[Collected data]
▬▬▬▬▬▬▬▬▬▬
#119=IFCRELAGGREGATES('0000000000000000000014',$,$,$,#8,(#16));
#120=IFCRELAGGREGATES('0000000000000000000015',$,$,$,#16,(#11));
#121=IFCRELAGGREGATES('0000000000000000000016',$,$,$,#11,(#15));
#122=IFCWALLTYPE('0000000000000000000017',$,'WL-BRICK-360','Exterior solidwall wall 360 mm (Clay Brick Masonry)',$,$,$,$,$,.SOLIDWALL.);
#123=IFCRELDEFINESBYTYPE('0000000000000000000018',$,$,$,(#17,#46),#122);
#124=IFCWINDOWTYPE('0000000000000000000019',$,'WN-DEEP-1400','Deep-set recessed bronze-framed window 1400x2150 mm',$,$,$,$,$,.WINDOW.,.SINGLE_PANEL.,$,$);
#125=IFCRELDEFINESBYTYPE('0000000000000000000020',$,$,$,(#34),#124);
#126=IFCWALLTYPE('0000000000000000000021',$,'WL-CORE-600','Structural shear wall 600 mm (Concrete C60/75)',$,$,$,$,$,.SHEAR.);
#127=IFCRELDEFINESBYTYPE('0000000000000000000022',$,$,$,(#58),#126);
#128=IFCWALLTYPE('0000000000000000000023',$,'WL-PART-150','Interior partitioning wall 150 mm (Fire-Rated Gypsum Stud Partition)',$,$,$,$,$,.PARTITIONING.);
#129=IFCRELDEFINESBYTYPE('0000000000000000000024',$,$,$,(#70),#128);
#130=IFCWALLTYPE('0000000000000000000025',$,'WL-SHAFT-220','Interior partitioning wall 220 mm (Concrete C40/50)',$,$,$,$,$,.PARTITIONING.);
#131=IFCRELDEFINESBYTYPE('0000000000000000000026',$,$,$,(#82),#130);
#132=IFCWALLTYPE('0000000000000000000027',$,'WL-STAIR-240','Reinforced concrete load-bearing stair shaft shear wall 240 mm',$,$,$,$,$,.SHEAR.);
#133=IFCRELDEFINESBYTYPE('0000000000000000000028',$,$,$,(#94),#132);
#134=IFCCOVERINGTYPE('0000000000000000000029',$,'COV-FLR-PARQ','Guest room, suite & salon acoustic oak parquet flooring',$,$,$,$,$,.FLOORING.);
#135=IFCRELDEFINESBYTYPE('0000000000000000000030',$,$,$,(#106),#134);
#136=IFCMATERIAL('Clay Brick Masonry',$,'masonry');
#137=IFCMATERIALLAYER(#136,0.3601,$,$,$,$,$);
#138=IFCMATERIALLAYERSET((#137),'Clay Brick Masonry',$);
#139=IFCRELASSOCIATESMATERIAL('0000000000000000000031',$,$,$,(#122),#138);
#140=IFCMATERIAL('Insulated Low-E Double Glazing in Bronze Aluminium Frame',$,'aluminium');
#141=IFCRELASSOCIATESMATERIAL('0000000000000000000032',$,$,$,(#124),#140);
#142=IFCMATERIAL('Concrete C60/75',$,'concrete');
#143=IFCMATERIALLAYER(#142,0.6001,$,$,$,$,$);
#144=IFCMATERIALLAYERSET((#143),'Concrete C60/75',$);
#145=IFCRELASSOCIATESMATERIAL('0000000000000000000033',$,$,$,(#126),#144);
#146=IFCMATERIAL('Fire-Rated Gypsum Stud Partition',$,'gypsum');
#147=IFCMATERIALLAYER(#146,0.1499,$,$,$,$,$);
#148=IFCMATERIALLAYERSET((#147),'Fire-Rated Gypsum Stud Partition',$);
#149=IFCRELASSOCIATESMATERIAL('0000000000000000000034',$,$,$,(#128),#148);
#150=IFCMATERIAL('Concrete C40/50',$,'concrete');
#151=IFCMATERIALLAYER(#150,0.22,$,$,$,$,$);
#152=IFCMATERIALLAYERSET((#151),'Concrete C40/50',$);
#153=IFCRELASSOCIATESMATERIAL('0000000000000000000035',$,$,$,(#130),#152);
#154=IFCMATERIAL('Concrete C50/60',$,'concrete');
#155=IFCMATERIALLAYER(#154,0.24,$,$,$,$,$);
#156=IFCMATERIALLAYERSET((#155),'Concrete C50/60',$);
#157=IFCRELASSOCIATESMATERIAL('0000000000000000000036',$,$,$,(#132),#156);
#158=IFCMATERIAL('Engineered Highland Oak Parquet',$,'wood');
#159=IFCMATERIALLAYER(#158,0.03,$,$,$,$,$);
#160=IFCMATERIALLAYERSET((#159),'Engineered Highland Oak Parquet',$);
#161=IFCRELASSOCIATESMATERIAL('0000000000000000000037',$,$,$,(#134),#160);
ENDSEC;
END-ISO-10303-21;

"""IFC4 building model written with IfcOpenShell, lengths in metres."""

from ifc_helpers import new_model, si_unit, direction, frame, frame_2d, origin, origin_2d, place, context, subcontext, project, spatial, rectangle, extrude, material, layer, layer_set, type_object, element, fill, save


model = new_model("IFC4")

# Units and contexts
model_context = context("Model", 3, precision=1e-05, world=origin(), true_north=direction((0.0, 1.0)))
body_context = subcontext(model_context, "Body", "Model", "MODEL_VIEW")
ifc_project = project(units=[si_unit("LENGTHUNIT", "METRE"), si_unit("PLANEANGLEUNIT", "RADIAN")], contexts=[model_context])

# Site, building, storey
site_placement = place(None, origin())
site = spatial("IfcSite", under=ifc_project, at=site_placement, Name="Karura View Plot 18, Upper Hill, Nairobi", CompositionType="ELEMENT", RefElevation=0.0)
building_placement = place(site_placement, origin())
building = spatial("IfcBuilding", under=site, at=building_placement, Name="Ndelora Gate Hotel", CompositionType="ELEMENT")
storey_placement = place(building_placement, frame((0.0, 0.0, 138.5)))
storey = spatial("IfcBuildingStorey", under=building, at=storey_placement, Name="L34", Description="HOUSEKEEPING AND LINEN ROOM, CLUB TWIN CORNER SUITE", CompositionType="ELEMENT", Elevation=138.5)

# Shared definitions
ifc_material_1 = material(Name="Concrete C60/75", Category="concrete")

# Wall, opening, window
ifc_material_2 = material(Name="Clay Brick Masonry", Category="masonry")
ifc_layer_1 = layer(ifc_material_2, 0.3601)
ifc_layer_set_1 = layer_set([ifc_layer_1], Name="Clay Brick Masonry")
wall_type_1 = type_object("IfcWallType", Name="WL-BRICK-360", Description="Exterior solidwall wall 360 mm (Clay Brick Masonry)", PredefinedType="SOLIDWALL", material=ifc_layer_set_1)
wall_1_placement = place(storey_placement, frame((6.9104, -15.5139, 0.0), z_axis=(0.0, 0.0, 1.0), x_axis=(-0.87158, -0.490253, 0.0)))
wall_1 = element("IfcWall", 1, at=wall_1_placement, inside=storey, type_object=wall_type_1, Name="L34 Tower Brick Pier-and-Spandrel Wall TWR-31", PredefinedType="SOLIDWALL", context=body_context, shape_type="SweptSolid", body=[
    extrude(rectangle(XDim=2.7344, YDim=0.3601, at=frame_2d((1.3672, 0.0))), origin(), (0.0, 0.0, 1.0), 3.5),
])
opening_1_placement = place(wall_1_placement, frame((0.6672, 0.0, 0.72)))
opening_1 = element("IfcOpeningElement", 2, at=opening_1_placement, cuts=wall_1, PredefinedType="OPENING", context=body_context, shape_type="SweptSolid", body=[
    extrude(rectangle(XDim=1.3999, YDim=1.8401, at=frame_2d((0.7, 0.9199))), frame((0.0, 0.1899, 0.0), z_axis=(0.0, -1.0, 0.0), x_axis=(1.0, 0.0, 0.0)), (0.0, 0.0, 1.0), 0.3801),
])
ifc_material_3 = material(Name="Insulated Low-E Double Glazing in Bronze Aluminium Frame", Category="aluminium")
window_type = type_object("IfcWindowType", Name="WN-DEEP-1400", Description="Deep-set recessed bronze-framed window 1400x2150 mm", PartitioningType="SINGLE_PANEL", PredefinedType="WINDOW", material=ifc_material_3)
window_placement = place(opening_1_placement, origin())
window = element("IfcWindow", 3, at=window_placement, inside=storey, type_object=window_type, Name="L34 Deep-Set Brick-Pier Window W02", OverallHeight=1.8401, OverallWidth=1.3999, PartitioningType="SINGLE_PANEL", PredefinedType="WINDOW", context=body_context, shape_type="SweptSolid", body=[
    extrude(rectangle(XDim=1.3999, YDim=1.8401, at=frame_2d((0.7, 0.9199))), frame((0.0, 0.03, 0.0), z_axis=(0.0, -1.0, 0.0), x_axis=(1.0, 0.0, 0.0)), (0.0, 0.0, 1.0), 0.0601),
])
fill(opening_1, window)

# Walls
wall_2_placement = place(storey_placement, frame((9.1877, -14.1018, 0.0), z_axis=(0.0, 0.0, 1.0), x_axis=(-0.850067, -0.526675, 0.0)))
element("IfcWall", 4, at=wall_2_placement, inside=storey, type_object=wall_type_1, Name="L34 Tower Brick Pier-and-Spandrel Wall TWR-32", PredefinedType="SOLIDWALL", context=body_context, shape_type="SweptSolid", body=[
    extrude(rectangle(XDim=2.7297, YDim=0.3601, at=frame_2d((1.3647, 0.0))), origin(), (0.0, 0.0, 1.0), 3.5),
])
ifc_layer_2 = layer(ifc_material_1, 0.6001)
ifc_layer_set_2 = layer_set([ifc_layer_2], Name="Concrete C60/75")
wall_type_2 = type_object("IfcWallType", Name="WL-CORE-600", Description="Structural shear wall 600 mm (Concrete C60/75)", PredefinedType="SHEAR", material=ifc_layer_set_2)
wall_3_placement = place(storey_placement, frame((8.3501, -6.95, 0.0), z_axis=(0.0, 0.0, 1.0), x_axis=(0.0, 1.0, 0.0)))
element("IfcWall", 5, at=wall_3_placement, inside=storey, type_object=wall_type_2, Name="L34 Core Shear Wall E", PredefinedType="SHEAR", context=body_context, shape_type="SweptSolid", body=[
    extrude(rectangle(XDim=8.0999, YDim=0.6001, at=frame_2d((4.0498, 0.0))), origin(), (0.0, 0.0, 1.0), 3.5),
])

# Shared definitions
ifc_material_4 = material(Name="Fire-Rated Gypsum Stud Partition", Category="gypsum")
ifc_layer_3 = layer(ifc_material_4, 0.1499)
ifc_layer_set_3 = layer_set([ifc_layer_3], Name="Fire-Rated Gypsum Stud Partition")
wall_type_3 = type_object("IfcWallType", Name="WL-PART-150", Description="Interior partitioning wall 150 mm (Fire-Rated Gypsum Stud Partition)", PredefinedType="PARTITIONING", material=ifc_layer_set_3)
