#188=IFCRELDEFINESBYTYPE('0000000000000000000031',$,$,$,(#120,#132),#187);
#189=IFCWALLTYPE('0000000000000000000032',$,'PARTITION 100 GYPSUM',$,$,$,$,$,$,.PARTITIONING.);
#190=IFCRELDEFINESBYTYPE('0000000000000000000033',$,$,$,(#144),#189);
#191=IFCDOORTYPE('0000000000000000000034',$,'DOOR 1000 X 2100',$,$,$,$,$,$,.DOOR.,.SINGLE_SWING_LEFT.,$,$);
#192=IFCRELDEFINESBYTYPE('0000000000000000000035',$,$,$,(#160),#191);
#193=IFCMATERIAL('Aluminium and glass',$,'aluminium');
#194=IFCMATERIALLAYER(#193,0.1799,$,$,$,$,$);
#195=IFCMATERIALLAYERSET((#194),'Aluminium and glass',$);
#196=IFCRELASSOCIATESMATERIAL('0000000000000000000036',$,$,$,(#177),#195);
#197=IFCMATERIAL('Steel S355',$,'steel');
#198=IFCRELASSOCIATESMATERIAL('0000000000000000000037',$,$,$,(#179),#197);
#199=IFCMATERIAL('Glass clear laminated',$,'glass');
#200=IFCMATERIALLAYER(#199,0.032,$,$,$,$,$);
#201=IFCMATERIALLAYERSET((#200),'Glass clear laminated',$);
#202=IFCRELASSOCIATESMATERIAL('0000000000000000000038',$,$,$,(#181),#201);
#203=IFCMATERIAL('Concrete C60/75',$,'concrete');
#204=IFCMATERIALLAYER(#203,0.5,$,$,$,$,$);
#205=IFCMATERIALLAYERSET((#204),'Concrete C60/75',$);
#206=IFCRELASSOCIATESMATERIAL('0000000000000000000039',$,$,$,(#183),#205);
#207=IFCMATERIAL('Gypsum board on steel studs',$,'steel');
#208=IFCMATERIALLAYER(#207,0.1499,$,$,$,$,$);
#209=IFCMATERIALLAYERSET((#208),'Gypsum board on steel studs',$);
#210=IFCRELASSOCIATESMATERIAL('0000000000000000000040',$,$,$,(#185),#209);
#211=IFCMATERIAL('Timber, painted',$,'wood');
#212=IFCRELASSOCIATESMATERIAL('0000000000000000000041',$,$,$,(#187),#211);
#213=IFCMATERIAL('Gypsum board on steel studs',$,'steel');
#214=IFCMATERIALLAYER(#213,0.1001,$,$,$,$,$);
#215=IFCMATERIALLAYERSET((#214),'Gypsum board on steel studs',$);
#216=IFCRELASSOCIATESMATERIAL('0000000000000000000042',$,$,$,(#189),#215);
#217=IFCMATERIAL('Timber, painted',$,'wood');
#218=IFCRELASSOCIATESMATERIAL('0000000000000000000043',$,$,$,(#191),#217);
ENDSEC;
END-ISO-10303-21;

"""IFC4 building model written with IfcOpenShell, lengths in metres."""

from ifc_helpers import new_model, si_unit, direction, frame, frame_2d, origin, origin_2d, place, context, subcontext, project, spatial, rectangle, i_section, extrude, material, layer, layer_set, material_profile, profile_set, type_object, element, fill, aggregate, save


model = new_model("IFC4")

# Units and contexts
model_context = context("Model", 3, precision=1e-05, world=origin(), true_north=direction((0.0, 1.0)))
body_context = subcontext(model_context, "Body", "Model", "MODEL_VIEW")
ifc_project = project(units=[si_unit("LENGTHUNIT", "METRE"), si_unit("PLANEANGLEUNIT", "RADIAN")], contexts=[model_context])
▬▬▬▬▬▬▬▬▬▬
Where a line of the data includes the string "laminated", list that line.

#199=IFCMATERIAL('Glass clear laminated',$,'glass');
#201=IFCMATERIALLAYERSET((#200),'Glass clear laminated',$);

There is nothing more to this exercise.